Assigned task ::
Here are some entries; quote each one exactly.

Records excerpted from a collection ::
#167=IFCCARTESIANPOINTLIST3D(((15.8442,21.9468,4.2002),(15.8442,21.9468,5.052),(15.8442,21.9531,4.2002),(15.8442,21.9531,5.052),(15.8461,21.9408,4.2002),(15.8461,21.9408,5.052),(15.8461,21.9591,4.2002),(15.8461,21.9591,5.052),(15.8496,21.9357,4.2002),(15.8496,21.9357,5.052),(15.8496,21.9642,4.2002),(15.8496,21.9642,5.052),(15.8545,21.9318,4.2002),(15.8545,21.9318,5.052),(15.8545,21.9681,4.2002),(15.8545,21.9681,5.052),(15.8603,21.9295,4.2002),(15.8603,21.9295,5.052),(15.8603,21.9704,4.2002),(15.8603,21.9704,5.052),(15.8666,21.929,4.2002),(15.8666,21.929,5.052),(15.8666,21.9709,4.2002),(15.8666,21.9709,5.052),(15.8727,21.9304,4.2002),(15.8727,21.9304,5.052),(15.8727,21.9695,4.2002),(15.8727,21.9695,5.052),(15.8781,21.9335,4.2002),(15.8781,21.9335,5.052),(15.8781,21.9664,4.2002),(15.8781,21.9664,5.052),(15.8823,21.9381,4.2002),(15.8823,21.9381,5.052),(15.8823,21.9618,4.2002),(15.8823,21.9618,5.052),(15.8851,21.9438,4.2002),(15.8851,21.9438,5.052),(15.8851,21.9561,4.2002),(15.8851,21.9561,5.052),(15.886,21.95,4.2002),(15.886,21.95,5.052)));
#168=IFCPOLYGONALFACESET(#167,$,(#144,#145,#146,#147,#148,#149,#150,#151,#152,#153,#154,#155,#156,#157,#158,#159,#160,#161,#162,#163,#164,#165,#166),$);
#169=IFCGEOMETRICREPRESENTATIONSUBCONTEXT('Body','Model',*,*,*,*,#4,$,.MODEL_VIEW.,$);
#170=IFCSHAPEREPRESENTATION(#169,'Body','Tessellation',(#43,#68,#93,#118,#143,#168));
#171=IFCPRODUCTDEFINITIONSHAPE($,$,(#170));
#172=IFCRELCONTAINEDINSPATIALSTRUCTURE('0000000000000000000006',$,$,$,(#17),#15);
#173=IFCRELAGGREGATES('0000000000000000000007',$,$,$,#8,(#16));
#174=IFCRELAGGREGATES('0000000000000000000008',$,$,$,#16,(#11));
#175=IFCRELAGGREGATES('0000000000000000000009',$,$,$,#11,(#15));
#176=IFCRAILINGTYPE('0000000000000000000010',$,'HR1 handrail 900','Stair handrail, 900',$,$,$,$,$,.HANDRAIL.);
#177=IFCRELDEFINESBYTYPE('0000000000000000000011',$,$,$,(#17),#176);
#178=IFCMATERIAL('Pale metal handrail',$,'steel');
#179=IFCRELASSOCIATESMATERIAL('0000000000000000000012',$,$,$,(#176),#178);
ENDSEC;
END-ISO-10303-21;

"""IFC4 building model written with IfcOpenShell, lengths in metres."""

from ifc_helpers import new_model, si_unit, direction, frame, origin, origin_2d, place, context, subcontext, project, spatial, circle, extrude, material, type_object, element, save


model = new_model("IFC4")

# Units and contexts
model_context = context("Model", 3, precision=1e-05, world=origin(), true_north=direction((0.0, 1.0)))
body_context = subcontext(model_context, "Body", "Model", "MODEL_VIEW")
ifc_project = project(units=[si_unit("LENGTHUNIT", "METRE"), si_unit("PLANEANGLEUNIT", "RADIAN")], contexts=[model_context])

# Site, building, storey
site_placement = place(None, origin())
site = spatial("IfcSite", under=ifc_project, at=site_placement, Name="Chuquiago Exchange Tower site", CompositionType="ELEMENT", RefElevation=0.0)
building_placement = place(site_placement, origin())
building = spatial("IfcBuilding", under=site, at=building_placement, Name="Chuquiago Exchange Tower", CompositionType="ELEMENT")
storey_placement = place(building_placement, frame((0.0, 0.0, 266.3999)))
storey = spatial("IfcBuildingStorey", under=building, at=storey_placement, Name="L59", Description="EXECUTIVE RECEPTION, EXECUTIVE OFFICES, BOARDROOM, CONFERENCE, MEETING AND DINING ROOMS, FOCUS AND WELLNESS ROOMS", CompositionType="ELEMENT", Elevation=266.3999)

Answer for the task ::
#167=IFCCARTESIANPOINTLIST3D(((15.8442,21.9468,4.2002),(15.8442,21.9468,5.052),(15.8442,21.9531,4.2002),(15.8442,21.9531,5.052),(15.8461,21.9408,4.2002),(15.8461,21.9408,5.052),(15.8461,21.9591,4.2002),(15.8461,21.9591,5.052),(15.8496,21.9357,4.2002),(15.8496,21.9357,5.052),(15.8496,21.9642,4.2002),(15.8496,21.9642,5.052),(15.8545,21.9318,4.2002),(15.8545,21.9318,5.052),(15.8545,21.9681,4.2002),(15.8545,21.9681,5.052),(15.8603,21.9295,4.2002),(15.8603,21.9295,5.052),(15.8603,21.9704,4.2002),(15.8603,21.9704,5.052),(15.8666,21.929,4.2002),(15.8666,21.929,5.052),(15.8666,21.9709,4.2002),(15.8666,21.9709,5.052),(15.8727,21.9304,4.2002),(15.8727,21.9304,5.052),(15.8727,21.9695,4.2002),(15.8727,21.9695,5.052),(15.8781,21.9335,4.2002),(15.8781,21.9335,5.052),(15.8781,21.9664,4.2002),(15.8781,21.9664,5.052),(15.8823,21.9381,4.2002),(15.8823,21.9381,5.052),(15.8823,21.9618,4.2002),(15.8823,21.9618,5.052),(15.8851,21.9438,4.2002),(15.8851,21.9438,5.052),(15.8851,21.9561,4.2002),(15.8851,21.9561,5.052),(15.886,21.95,4.2002),(15.886,21.95,5.052)));
#168=IFCPOLYGONALFACESET(#167,$,(#144,#145,#146,#147,#148,#149,#150,#151,#152,#153,#154,#155,#156,#157,#158,#159,#160,#161,#162,#163,#164,#165,#166),$);
#169=IFCGEOMETRICREPRESENTATIONSUBCONTEXT('Body','Model',*,*,*,*,#4,$,.MODEL_VIEW.,$);
#170=IFCSHAPEREPRESENTATION(#169,'Body','Tessellation',(#43,#68,#93,#118,#143,#168));
#171=IFCPRODUCTDEFINITIONSHAPE($,$,(#170));
#172=IFCRELCONTAINEDINSPATIALSTRUCTURE('0000000000000000000006',$,$,$,(#17),#15);
#173=IFCRELAGGREGATES('0000000000000000000007',$,$,$,#8,(#16));
#174=IFCRELAGGREGATES('0000000000000000000008',$,$,$,#16,(#11));
#175=IFCRELAGGREGATES('0000000000000000000009',$,$,$,#11,(#15));
#176=IFCRAILINGTYPE('0000000000000000000010',$,'HR1 handrail 900','Stair handrail, 900',$,$,$,$,$,.HANDRAIL.);
#177=IFCRELDEFINESBYTYPE('0000000000000000000011',$,$,$,(#17),#176);
#178=IFCMATERIAL('Pale metal handrail',$,'steel');
#179=IFCRELASSOCIATESMATERIAL('0000000000000000000012',$,$,$,(#176),#178);
ENDSEC;
END-ISO-10303-21;

"""IFC4 building model written with IfcOpenShell, lengths in metres."""

from ifc_helpers import new_model, si_unit, direction, frame, origin, origin_2d, place, context, subcontext, project, spatial, circle, extrude, material, type_object, element, save


model = new_model("IFC4")

# Units and contexts
model_context = context("Model", 3, precision=1e-05, world=origin(), true_north=direction((0.0, 1.0)))
body_context = subcontext(model_context, "Body", "Model", "MODEL_VIEW")
ifc_project = project(units=[si_unit("LENGTHUNIT", "METRE"), si_unit("PLANEANGLEUNIT", "RADIAN")], contexts=[model_context])

# Site, building, storey
site_placement = place(None, origin())
site = spatial("IfcSite", under=ifc_project, at=site_placement, Name="Chuquiago Exchange Tower site", CompositionType="ELEMENT", RefElevation=0.0)
building_placement = place(site_placement, origin())
building = spatial("IfcBuilding", under=site, at=building_placement, Name="Chuquiago Exchange Tower", CompositionType="ELEMENT")
storey_placement = place(building_placement, frame((0.0, 0.0, 266.3999)))
storey = spatial("IfcBuildingStorey", under=building, at=storey_placement, Name="L59", Description="EXECUTIVE RECEPTION, EXECUTIVE OFFICES, BOARDROOM, CONFERENCE, MEETING AND DINING ROOMS, FOCUS AND WELLNESS ROOMS", CompositionType="ELEMENT", Elevation=266.3999)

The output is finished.